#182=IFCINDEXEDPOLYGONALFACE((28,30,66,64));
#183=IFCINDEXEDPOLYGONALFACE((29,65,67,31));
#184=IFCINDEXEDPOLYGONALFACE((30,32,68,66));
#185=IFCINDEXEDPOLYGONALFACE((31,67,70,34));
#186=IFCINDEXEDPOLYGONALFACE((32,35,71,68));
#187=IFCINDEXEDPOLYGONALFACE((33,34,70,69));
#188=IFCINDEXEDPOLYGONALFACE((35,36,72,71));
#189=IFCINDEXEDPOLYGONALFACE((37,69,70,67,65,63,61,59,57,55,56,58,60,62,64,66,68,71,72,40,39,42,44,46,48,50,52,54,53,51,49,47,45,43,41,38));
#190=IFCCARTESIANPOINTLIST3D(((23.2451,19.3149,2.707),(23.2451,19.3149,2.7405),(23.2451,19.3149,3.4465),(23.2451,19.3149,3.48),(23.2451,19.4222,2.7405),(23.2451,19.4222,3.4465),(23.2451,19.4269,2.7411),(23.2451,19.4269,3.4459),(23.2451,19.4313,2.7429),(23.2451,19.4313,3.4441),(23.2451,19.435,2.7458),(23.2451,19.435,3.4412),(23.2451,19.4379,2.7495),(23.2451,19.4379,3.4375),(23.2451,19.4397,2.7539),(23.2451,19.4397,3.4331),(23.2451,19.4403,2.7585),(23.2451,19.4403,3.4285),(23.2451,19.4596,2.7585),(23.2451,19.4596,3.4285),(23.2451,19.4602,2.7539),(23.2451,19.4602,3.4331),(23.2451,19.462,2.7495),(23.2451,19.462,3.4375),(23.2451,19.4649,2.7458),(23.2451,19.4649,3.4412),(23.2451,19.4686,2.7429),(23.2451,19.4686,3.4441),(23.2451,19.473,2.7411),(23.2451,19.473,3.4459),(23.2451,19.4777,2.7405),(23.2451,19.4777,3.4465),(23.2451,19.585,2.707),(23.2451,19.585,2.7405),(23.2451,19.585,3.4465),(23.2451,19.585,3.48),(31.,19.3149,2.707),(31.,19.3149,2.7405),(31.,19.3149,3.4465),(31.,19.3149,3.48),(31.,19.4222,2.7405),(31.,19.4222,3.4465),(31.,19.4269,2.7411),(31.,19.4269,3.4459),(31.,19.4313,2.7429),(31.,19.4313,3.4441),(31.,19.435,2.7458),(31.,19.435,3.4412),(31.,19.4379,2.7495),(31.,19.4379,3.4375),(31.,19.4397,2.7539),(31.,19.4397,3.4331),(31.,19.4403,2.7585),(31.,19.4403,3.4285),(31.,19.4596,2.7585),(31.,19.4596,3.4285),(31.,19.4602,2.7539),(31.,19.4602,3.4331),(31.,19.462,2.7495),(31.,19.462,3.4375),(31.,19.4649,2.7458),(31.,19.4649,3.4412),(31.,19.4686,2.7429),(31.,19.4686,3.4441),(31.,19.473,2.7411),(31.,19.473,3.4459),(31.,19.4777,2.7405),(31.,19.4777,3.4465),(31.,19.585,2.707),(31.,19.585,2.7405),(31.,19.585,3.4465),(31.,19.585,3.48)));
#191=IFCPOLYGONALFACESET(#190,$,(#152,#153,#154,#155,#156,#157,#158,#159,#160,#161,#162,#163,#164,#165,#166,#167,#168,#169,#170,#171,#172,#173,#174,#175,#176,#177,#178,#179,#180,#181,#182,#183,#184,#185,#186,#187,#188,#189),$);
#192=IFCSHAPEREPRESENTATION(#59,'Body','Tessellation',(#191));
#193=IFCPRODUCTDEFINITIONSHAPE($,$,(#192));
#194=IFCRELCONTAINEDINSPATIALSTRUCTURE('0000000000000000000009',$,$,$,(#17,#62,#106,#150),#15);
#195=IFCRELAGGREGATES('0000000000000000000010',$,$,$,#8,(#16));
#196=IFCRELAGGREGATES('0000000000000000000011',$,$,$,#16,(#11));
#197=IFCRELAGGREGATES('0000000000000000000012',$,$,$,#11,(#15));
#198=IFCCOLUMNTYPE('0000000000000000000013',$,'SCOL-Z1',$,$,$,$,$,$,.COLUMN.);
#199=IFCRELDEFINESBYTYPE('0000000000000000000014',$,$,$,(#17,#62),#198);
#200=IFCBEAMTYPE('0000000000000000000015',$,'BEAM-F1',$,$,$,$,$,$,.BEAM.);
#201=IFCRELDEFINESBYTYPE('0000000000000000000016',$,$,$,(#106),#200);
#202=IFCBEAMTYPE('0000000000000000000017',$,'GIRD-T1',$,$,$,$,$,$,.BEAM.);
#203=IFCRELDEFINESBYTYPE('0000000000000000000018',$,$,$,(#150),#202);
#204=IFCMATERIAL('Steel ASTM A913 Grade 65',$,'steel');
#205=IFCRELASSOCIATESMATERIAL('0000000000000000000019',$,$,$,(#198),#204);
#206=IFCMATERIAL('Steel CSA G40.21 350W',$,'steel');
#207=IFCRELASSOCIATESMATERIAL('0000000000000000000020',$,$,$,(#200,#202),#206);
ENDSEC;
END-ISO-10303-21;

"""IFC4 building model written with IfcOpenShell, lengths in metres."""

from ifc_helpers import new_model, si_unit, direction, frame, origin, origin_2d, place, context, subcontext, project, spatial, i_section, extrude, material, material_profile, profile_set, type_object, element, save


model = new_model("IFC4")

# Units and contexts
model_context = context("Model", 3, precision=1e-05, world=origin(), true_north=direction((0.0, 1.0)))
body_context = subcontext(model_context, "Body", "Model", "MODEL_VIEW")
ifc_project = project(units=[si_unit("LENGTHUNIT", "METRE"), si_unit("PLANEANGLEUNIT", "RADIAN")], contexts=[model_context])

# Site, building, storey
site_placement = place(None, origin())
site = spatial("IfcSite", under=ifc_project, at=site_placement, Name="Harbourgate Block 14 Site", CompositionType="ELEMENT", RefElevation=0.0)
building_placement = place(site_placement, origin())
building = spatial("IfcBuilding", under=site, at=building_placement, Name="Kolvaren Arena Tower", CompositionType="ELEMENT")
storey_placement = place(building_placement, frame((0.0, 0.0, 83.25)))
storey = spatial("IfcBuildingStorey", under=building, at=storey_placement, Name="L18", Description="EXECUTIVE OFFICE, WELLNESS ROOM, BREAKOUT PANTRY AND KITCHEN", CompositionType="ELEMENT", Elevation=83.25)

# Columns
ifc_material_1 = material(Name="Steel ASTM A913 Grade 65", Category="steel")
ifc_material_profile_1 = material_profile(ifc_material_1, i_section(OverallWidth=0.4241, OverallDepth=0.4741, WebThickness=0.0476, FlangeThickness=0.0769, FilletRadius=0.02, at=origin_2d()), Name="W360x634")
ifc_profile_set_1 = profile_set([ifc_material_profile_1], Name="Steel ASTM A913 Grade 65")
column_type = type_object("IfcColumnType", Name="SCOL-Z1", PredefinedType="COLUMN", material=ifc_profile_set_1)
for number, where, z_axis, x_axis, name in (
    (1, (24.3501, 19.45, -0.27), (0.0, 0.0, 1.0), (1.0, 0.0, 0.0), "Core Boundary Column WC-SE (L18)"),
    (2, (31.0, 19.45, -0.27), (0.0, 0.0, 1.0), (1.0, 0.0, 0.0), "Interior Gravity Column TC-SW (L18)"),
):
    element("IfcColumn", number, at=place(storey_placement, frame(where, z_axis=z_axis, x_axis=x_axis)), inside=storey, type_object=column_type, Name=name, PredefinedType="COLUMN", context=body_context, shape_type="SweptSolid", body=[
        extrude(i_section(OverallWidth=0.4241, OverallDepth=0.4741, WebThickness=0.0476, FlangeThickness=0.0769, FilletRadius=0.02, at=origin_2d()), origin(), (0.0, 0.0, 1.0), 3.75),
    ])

### To do:
Everything in the data should be copied exactly. Leave nothing out.

### Response:
#182=IFCINDEXEDPOLYGONALFACE((28,30,66,64));
#183=IFCINDEXEDPOLYGONALFACE((29,65,67,31));
#184=IFCINDEXEDPOLYGONALFACE((30,32,68,66));
#185=IFCINDEXEDPOLYGONALFACE((31,67,70,34));
#186=IFCINDEXEDPOLYGONALFACE((32,35,71,68));
#187=IFCINDEXEDPOLYGONALFACE((33,34,70,69));
#188=IFCINDEXEDPOLYGONALFACE((35,36,72,71));
#189=IFCINDEXEDPOLYGONALFACE((37,69,70,67,65,63,61,59,57,55,56,58,60,62,64,66,68,71,72,40,39,42,44,46,48,50,52,54,53,51,49,47,45,43,41,38));
#190=IFCCARTESIANPOINTLIST3D(((23.2451,19.3149,2.707),(23.2451,19.3149,2.7405),(23.2451,19.3149,3.4465),(23.2451,19.3149,3.48),(23.2451,19.4222,2.7405),(23.2451,19.4222,3.4465),(23.2451,19.4269,2.7411),(23.2451,19.4269,3.4459),(23.2451,19.4313,2.7429),(23.2451,19.4313,3.4441),(23.2451,19.435,2.7458),(23.2451,19.435,3.4412),(23.2451,19.4379,2.7495),(23.2451,19.4379,3.4375),(23.2451,19.4397,2.7539),(23.2451,19.4397,3.4331),(23.2451,19.4403,2.7585),(23.2451,19.4403,3.4285),(23.2451,19.4596,2.7585),(23.2451,19.4596,3.4285),(23.2451,19.4602,2.7539),(23.2451,19.4602,3.4331),(23.2451,19.462,2.7495),(23.2451,19.462,3.4375),(23.2451,19.4649,2.7458),(23.2451,19.4649,3.4412),(23.2451,19.4686,2.7429),(23.2451,19.4686,3.4441),(23.2451,19.473,2.7411),(23.2451,19.473,3.4459),(23.2451,19.4777,2.7405),(23.2451,19.4777,3.4465),(23.2451,19.585,2.707),(23.2451,19.585,2.7405),(23.2451,19.585,3.4465),(23.2451,19.585,3.48),(31.,19.3149,2.707),(31.,19.3149,2.7405),(31.,19.3149,3.4465),(31.,19.3149,3.48),(31.,19.4222,2.7405),(31.,19.4222,3.4465),(31.,19.4269,2.7411),(31.,19.4269,3.4459),(31.,19.4313,2.7429),(31.,19.4313,3.4441),(31.,19.435,2.7458),(31.,19.435,3.4412),(31.,19.4379,2.7495),(31.,19.4379,3.4375),(31.,19.4397,2.7539),(31.,19.4397,3.4331),(31.,19.4403,2.7585),(31.,19.4403,3.4285),(31.,19.4596,2.7585),(31.,19.4596,3.4285),(31.,19.4602,2.7539),(31.,19.4602,3.4331),(31.,19.462,2.7495),(31.,19.462,3.4375),(31.,19.4649,2.7458),(31.,19.4649,3.4412),(31.,19.4686,2.7429),(31.,19.4686,3.4441),(31.,19.473,2.7411),(31.,19.473,3.4459),(31.,19.4777,2.7405),(31.,19.4777,3.4465),(31.,19.585,2.707),(31.,19.585,2.7405),(31.,19.585,3.4465),(31.,19.585,3.48)));
#191=IFCPOLYGONALFACESET(#190,$,(#152,#153,#154,#155,#156,#157,#158,#159,#160,#161,#162,#163,#164,#165,#166,#167,#168,#169,#170,#171,#172,#173,#174,#175,#176,#177,#178,#179,#180,#181,#182,#183,#184,#185,#186,#187,#188,#189),$);
#192=IFCSHAPEREPRESENTATION(#59,'Body','Tessellation',(#191));
#193=IFCPRODUCTDEFINITIONSHAPE($,$,(#192));
#194=IFCRELCONTAINEDINSPATIALSTRUCTURE('0000000000000000000009',$,$,$,(#17,#62,#106,#150),#15);
#195=IFCRELAGGREGATES('0000000000000000000010',$,$,$,#8,(#16));
#196=IFCRELAGGREGATES('0000000000000000000011',$,$,$,#16,(#11));
#197=IFCRELAGGREGATES('0000000000000000000012',$,$,$,#11,(#15));
#198=IFCCOLUMNTYPE('0000000000000000000013',$,'SCOL-Z1',$,$,$,$,$,$,.COLUMN.);
#199=IFCRELDEFINESBYTYPE('0000000000000000000014',$,$,$,(#17,#62),#198);
#200=IFCBEAMTYPE('0000000000000000000015',$,'BEAM-F1',$,$,$,$,$,$,.BEAM.);
#201=IFCRELDEFINESBYTYPE('0000000000000000000016',$,$,$,(#106),#200);
#202=IFCBEAMTYPE('0000000000000000000017',$,'GIRD-T1',$,$,$,$,$,$,.BEAM.);
#203=IFCRELDEFINESBYTYPE('0000000000000000000018',$,$,$,(#150),#202);
#204=IFCMATERIAL('Steel ASTM A913 Grade 65',$,'steel');
#205=IFCRELASSOCIATESMATERIAL('0000000000000000000019',$,$,$,(#198),#204);
#206=IFCMATERIAL('Steel CSA G40.21 350W',$,'steel');
#207=IFCRELASSOCIATESMATERIAL('0000000000000000000020',$,$,$,(#200,#202),#206);
ENDSEC;
END-ISO-10303-21;

"""IFC4 building model written with IfcOpenShell, lengths in metres."""

from ifc_helpers import new_model, si_unit, direction, frame, origin, origin_2d, place, context, subcontext, project, spatial, i_section, extrude, material, material_profile, profile_set, type_object, element, save


model = new_model("IFC4")

# Units and contexts
model_context = context("Model", 3, precision=1e-05, world=origin(), true_north=direction((0.0, 1.0)))
body_context = subcontext(model_context, "Body", "Model", "MODEL_VIEW")
ifc_project = project(units=[si_unit("LENGTHUNIT", "METRE"), si_unit("PLANEANGLEUNIT", "RADIAN")], contexts=[model_context])

# Site, building, storey
site_placement = place(None, origin())
site = spatial("IfcSite", under=ifc_project, at=site_placement, Name="Harbourgate Block 14 Site", CompositionType="ELEMENT", RefElevation=0.0)
building_placement = place(site_placement, origin())
building = spatial("IfcBuilding", under=site, at=building_placement, Name="Kolvaren Arena Tower", CompositionType="ELEMENT")
storey_placement = place(building_placement, frame((0.0, 0.0, 83.25)))
storey = spatial("IfcBuildingStorey", under=building, at=storey_placement, Name="L18", Description="EXECUTIVE OFFICE, WELLNESS ROOM, BREAKOUT PANTRY AND KITCHEN", CompositionType="ELEMENT", Elevation=83.25)

# Columns
ifc_material_1 = material(Name="Steel ASTM A913 Grade 65", Category="steel")
ifc_material_profile_1 = material_profile(ifc_material_1, i_section(OverallWidth=0.4241, OverallDepth=0.4741, WebThickness=0.0476, FlangeThickness=0.0769, FilletRadius=0.02, at=origin_2d()), Name="W360x634")
ifc_profile_set_1 = profile_set([ifc_material_profile_1], Name="Steel ASTM A913 Grade 65")
column_type = type_object("IfcColumnType", Name="SCOL-Z1", PredefinedType="COLUMN", material=ifc_profile_set_1)
for number, where, z_axis, x_axis, name in (
    (1, (24.3501, 19.45, -0.27), (0.0, 0.0, 1.0), (1.0, 0.0, 0.0), "Core Boundary Column WC-SE (L18)"),
    (2, (31.0, 19.45, -0.27), (0.0, 0.0, 1.0), (1.0, 0.0, 0.0), "Interior Gravity Column TC-SW (L18)"),
):
    element("IfcColumn", number, at=place(storey_placement, frame(where, z_axis=z_axis, x_axis=x_axis)), inside=storey, type_object=column_type, Name=name, PredefinedType="COLUMN", context=body_context, shape_type="SweptSolid", body=[
        extrude(i_section(OverallWidth=0.4241, OverallDepth=0.4741, WebThickness=0.0476, FlangeThickness=0.0769, FilletRadius=0.02, at=origin_2d()), origin(), (0.0, 0.0, 1.0), 3.75),
    ])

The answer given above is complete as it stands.